> Exercise aim
What is needed here is an exact repetition of the records below, beginning at the line that has "#194=IFCRELAGGREGATES('0000000000000000000017',$,$,$,#16,(#11));" and stopping after the line that has "#202=IFCPLATETYPE('0000000000000000000025',$,'Glazing panel 44".

______

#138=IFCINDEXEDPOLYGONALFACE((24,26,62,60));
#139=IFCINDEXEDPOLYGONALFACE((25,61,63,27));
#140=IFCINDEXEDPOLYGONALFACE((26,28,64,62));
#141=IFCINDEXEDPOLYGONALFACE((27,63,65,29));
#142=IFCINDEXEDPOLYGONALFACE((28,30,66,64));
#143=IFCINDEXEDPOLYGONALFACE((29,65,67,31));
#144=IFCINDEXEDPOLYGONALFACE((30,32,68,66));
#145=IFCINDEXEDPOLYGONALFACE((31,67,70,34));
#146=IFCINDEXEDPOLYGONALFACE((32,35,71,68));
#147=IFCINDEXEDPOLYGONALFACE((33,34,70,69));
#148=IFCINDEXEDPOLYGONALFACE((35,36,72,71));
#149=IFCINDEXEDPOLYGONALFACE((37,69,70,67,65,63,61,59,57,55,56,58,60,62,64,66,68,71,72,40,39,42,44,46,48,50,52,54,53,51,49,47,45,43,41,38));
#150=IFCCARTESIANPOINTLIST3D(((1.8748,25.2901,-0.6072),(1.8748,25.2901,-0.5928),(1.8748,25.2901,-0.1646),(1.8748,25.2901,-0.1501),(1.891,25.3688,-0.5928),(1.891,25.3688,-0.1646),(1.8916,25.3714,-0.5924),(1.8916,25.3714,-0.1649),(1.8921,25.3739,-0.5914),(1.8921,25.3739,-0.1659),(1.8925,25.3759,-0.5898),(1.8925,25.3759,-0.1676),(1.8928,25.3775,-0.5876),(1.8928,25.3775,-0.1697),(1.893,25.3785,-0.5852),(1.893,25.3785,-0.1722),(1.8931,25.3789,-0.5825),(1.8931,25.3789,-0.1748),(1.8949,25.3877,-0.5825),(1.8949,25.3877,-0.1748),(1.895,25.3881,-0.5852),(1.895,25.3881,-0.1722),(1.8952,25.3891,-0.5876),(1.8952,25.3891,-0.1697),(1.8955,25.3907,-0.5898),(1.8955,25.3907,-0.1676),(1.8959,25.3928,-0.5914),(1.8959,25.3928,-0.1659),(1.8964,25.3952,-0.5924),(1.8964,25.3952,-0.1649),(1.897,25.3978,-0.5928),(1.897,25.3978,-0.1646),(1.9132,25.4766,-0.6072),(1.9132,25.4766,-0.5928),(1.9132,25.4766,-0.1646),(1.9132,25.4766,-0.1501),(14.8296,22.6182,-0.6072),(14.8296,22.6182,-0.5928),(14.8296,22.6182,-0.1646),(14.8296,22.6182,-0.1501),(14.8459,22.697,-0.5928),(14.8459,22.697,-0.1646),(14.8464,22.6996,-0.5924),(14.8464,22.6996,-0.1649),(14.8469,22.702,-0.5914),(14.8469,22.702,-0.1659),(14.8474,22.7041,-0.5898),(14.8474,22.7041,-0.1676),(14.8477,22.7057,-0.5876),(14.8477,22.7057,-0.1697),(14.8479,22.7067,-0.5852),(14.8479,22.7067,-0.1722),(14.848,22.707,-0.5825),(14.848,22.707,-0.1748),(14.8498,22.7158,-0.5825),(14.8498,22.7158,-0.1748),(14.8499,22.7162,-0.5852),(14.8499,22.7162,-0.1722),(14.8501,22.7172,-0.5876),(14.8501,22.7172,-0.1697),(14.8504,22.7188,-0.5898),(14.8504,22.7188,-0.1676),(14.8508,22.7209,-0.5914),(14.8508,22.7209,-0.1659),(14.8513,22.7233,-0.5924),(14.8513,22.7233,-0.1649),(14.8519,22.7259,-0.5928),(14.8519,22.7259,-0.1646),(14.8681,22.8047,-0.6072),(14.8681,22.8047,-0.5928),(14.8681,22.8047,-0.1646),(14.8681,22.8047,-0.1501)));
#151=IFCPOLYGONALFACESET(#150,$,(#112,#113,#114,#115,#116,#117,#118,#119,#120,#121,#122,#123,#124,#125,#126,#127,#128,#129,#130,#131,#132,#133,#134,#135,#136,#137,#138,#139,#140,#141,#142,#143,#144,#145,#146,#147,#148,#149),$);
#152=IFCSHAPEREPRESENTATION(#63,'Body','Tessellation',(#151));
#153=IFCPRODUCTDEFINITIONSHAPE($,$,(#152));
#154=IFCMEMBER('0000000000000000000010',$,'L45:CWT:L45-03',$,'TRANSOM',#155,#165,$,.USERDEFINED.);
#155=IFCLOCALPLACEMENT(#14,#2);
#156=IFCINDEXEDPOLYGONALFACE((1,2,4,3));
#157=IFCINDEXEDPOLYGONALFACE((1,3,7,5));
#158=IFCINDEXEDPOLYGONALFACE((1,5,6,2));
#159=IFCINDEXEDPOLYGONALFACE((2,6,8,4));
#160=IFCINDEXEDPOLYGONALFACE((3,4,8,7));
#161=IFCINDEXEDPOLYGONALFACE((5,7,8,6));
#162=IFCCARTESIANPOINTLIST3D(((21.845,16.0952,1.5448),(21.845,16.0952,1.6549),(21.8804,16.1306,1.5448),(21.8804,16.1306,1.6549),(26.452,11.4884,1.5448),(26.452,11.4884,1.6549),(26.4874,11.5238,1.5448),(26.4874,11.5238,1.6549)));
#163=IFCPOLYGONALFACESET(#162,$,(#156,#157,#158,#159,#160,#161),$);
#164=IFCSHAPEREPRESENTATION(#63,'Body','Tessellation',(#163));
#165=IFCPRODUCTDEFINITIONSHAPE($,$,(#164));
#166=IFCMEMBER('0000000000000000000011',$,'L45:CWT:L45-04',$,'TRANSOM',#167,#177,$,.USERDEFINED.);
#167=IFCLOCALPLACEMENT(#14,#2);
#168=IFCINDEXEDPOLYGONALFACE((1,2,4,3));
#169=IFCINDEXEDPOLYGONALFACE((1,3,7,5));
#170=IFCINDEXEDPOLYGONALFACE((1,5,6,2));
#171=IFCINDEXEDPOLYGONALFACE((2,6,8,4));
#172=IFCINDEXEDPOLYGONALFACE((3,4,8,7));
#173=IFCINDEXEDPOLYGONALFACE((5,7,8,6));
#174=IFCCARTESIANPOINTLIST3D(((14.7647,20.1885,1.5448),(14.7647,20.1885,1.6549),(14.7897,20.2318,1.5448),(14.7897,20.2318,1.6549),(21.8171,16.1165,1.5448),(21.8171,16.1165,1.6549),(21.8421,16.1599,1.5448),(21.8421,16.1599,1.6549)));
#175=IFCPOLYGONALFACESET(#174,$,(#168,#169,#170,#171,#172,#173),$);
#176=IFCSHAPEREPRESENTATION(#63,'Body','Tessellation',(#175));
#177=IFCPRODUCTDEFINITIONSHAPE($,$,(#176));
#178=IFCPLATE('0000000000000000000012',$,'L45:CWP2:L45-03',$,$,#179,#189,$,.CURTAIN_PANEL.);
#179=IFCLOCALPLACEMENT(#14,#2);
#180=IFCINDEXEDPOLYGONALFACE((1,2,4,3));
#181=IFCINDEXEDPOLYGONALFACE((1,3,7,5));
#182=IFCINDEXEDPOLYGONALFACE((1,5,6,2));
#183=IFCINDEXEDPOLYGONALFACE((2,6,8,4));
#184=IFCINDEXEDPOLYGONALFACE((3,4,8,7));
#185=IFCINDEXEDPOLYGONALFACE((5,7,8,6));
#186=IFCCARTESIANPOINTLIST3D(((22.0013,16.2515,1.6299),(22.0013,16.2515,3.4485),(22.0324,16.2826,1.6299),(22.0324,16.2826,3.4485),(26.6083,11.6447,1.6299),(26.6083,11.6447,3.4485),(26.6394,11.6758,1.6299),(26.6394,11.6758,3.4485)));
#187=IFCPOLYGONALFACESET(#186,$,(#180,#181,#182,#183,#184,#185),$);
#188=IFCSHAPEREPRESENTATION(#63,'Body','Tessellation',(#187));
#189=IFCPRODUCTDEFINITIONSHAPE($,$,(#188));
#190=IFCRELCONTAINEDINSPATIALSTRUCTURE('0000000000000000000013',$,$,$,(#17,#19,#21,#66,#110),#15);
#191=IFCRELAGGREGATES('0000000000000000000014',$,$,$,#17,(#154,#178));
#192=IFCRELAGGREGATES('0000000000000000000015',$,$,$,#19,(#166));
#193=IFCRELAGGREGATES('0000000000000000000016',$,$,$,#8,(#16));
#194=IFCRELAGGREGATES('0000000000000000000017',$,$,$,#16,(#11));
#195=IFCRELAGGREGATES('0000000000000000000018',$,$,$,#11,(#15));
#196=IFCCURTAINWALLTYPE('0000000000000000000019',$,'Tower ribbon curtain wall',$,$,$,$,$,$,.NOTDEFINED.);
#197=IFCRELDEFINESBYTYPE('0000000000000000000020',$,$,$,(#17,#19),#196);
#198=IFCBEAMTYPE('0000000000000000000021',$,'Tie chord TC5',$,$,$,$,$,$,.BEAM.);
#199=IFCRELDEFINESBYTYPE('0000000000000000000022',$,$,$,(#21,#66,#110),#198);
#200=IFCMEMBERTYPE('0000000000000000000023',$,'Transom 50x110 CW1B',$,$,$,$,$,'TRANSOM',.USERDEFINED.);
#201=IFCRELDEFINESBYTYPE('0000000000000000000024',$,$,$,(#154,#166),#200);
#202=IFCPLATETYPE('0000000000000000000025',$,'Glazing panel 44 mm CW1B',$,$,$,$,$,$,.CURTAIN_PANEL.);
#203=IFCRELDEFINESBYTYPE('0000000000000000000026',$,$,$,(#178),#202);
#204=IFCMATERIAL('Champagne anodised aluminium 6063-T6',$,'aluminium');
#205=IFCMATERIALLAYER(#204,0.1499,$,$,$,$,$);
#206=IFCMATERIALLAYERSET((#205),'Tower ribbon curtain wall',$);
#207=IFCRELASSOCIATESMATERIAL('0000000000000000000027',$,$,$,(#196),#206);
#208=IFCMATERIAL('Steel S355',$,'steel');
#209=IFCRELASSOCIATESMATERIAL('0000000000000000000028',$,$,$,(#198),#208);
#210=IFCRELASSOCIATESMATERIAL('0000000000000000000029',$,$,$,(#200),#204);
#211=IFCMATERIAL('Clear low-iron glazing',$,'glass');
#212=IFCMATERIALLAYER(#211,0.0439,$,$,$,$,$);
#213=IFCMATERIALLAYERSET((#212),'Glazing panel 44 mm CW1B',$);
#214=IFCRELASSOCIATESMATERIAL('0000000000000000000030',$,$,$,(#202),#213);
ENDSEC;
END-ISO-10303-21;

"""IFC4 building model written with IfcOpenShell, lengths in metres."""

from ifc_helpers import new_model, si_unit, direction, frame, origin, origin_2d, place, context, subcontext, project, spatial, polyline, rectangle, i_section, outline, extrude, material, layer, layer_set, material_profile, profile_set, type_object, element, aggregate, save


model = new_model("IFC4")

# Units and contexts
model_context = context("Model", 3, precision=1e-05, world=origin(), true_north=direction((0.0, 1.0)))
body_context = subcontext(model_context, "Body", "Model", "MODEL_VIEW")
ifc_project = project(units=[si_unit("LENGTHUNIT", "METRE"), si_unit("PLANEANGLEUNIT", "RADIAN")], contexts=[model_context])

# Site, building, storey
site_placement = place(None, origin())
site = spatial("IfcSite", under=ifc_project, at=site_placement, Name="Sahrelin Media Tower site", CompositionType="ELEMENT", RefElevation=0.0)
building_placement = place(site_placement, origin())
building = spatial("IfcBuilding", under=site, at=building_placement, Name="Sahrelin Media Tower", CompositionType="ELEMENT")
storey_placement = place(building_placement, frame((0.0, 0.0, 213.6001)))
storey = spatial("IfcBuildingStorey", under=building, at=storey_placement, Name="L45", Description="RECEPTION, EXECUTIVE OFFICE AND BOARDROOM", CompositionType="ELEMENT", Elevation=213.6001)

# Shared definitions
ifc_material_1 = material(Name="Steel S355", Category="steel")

______

> Response to this task
#194=IFCRELAGGREGATES('0000000000000000000017',$,$,$,#16,(#11));
#195=IFCRELAGGREGATES('0000000000000000000018',$,$,$,#11,(#15));
#196=IFCCURTAINWALLTYPE('0000000000000000000019',$,'Tower ribbon curtain wall',$,$,$,$,$,$,.NOTDEFINED.);
#197=IFCRELDEFINESBYTYPE('0000000000000000000020',$,$,$,(#17,#19),#196);
#198=IFCBEAMTYPE('0000000000000000000021',$,'Tie chord TC5',$,$,$,$,$,$,.BEAM.);
#199=IFCRELDEFINESBYTYPE('0000000000000000000022',$,$,$,(#21,#66,#110),#198);
#200=IFCMEMBERTYPE('0000000000000000000023',$,'Transom 50x110 CW1B',$,$,$,$,$,'TRANSOM',.USERDEFINED.);
#201=IFCRELDEFINESBYTYPE('0000000000000000000024',$,$,$,(#154,#166),#200);
#202=IFCPLATETYPE('0000000000000000000025',$,'Glazing panel 44 mm CW1B',$,$,$,$,$,$,.CURTAIN_PANEL.);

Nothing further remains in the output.